Segment Start: Dataset content

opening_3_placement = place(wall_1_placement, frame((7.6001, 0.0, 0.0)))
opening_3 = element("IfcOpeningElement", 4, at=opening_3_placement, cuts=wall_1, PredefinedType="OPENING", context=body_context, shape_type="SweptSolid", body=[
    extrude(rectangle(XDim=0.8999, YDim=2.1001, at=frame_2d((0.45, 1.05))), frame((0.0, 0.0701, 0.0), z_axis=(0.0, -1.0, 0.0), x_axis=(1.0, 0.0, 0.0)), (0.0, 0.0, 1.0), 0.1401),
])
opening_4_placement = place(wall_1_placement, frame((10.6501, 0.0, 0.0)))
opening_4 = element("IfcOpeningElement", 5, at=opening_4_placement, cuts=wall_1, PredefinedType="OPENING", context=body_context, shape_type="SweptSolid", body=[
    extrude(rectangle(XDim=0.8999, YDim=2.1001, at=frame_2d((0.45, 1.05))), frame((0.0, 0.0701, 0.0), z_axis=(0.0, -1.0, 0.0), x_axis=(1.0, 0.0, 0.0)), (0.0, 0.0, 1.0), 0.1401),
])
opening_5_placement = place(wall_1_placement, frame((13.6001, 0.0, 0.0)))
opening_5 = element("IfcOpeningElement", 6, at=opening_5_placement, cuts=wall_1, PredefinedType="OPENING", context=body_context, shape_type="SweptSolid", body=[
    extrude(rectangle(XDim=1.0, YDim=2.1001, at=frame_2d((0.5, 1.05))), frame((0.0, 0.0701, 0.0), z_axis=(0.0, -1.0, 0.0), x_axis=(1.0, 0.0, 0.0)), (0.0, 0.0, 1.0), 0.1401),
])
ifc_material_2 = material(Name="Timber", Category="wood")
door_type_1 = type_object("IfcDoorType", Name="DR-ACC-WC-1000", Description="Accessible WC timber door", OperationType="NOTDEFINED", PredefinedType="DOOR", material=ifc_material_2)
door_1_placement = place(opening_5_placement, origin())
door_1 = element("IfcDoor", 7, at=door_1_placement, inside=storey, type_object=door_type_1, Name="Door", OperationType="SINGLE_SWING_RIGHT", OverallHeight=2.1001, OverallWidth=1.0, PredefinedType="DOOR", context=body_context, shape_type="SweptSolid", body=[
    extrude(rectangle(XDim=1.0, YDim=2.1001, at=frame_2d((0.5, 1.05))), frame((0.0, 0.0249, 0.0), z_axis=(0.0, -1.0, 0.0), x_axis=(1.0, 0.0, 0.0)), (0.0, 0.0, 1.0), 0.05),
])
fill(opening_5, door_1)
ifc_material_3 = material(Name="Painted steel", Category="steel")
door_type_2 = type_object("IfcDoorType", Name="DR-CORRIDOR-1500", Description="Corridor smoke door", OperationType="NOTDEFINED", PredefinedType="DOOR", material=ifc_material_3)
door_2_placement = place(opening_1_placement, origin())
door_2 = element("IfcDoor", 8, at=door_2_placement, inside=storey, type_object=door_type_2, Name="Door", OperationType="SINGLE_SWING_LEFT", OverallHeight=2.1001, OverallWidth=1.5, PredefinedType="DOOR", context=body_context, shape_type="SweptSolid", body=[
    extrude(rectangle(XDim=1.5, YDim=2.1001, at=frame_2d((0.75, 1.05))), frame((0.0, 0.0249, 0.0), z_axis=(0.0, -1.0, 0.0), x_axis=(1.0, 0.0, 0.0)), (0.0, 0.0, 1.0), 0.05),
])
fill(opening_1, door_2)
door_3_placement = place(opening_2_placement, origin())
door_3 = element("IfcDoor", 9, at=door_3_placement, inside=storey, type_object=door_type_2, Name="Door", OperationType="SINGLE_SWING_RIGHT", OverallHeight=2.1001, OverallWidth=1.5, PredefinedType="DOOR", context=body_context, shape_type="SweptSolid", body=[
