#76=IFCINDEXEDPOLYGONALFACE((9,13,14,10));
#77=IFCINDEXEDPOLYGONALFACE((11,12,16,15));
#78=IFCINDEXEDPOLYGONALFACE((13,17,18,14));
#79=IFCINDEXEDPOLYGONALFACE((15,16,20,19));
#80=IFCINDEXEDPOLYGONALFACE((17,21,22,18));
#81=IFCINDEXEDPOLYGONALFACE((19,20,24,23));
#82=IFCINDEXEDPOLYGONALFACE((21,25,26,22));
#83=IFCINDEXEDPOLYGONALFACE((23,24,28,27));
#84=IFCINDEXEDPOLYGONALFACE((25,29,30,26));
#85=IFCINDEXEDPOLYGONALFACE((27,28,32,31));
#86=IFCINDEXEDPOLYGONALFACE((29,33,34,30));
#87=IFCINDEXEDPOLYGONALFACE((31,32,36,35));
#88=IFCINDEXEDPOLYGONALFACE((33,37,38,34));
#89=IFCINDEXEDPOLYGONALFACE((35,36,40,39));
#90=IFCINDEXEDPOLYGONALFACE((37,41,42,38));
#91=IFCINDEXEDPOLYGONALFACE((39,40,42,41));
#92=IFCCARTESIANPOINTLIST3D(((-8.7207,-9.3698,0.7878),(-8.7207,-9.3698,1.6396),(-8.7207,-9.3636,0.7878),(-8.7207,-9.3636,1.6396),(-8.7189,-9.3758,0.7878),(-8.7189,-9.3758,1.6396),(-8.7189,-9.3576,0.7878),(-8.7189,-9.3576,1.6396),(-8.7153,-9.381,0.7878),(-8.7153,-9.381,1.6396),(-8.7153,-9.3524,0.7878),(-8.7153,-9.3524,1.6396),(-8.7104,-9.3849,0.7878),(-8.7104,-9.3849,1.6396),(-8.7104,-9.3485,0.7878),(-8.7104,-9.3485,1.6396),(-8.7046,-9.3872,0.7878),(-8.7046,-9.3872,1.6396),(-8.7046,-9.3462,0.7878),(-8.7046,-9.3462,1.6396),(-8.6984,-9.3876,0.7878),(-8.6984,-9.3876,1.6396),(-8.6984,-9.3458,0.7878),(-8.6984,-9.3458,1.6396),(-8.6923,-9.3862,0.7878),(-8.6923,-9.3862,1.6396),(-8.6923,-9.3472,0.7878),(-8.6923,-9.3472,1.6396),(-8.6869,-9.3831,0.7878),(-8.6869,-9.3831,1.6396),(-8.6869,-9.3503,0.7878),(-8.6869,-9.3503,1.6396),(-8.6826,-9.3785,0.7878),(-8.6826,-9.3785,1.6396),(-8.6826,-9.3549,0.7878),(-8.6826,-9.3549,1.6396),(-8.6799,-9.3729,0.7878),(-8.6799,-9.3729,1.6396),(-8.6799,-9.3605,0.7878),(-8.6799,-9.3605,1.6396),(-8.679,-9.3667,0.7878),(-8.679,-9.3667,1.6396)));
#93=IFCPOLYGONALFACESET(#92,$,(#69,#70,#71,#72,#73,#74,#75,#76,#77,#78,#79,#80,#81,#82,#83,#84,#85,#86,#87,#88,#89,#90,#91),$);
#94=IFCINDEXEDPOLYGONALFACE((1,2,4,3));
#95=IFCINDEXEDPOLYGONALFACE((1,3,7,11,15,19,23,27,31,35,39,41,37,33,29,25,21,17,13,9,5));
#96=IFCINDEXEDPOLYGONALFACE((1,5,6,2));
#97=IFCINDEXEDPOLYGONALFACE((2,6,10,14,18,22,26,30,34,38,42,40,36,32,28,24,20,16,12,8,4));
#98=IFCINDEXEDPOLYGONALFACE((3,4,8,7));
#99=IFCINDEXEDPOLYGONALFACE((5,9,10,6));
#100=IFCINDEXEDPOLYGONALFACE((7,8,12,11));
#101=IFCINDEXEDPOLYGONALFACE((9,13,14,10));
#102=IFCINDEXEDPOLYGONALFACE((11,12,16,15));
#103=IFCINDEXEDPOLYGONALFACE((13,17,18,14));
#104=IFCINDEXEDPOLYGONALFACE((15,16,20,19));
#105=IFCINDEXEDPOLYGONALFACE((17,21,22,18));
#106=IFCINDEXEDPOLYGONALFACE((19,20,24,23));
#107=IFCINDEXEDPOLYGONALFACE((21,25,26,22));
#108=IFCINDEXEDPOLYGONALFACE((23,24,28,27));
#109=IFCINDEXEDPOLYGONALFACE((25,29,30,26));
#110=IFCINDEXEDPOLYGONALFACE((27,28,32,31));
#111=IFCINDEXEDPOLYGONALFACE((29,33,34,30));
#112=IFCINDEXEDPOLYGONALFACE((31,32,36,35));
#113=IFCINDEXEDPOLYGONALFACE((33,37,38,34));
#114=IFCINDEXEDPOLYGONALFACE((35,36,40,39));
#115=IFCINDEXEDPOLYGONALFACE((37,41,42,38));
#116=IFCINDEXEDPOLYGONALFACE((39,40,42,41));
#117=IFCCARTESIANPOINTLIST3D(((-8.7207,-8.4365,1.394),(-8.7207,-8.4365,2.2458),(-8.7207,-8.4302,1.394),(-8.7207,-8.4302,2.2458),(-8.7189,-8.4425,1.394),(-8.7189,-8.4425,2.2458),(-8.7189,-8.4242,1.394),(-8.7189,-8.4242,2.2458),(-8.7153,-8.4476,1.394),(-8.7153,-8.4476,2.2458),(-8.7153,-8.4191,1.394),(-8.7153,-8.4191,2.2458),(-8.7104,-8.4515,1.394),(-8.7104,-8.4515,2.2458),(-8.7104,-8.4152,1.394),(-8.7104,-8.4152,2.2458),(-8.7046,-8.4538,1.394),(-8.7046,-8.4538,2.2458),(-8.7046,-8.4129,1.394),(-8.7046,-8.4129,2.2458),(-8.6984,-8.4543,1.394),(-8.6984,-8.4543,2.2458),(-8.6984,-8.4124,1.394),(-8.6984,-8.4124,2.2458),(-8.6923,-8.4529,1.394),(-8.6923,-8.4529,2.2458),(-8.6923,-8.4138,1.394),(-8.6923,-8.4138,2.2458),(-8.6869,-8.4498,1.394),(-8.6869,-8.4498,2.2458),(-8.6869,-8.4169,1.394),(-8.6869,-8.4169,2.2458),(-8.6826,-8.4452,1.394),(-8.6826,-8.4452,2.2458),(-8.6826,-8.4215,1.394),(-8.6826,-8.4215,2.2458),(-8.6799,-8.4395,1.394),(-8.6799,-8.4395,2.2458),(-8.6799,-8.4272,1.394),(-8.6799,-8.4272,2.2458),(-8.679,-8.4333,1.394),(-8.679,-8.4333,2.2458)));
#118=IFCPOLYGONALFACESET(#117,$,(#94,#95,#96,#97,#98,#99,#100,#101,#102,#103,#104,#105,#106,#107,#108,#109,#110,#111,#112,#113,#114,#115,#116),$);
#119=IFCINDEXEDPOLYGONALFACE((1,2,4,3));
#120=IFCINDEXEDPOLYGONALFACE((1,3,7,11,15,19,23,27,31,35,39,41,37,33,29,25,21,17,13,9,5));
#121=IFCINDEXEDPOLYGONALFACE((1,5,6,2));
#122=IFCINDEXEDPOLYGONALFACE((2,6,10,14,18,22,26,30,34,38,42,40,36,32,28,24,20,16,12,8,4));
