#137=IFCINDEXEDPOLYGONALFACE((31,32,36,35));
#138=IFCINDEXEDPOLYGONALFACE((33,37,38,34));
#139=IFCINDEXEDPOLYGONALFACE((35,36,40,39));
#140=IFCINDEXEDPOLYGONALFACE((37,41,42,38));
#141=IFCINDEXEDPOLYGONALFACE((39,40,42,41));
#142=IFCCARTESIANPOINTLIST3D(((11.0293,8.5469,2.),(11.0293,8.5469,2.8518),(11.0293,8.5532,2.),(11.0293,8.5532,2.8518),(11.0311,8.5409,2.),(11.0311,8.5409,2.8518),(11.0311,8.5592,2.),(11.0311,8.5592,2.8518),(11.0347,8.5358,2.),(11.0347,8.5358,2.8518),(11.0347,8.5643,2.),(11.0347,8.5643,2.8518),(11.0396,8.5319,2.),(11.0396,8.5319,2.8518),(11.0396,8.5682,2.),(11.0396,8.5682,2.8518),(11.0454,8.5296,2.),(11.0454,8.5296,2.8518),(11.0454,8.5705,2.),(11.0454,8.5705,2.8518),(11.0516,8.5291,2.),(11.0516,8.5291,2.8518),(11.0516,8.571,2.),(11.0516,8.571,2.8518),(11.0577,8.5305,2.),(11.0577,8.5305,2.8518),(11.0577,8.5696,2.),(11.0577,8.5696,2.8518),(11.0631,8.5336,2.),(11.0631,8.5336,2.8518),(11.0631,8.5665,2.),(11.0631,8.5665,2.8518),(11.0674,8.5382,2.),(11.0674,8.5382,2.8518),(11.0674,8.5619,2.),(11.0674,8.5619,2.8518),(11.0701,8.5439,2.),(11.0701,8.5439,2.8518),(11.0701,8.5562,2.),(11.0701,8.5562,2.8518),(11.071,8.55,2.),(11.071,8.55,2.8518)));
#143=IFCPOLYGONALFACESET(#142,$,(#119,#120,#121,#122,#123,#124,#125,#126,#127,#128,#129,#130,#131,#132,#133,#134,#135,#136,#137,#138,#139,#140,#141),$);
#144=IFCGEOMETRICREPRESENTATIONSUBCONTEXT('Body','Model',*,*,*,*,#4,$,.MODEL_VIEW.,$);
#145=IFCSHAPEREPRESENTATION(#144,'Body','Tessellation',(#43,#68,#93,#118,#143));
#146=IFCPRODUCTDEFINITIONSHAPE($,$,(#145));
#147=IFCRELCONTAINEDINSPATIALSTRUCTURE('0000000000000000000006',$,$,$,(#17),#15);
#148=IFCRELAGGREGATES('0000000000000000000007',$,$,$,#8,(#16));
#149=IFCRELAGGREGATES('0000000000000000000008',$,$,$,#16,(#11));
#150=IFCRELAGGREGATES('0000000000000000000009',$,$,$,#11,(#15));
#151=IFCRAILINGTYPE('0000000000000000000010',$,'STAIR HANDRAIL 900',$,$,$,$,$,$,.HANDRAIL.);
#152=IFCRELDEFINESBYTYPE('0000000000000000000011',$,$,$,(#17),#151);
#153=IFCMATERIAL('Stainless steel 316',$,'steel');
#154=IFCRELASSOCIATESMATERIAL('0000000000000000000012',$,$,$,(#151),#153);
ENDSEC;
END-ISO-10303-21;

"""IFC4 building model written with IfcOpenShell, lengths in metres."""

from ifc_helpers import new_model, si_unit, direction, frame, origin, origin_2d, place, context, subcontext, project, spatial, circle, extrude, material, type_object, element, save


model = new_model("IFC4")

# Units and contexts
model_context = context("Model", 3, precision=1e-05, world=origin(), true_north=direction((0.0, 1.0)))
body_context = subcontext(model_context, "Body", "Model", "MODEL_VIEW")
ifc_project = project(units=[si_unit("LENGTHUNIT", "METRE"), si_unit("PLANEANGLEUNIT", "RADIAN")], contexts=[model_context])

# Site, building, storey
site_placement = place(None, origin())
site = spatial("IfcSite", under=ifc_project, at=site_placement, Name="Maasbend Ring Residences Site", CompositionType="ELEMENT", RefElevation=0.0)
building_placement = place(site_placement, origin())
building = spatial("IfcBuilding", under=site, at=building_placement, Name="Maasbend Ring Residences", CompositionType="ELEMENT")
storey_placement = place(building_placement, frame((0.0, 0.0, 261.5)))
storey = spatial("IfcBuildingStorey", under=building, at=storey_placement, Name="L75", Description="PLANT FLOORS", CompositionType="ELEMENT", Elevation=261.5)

Segment End: Dataset content

- **What the task asks**
Looking at the entries above, can you reproduce exactly the lines from the one that holds "#108=IFCINDEXEDPOLYGONALFACE((23,24,28,27));" through the one that holds "#116=IFCINDEXEDPOLYGONALFACE((39,40,42,41));", and only those?

- **Finished task**
#108=IFCINDEXEDPOLYGONALFACE((23,24,28,27));
#109=IFCINDEXEDPOLYGONALFACE((25,29,30,26));
#110=IFCINDEXEDPOLYGONALFACE((27,28,32,31));
#111=IFCINDEXEDPOLYGONALFACE((29,33,34,30));
#112=IFCINDEXEDPOLYGONALFACE((31,32,36,35));
#113=IFCINDEXEDPOLYGONALFACE((33,37,38,34));
#114=IFCINDEXEDPOLYGONALFACE((35,36,40,39));
#115=IFCINDEXEDPOLYGONALFACE((37,41,42,38));
#116=IFCINDEXEDPOLYGONALFACE((39,40,42,41));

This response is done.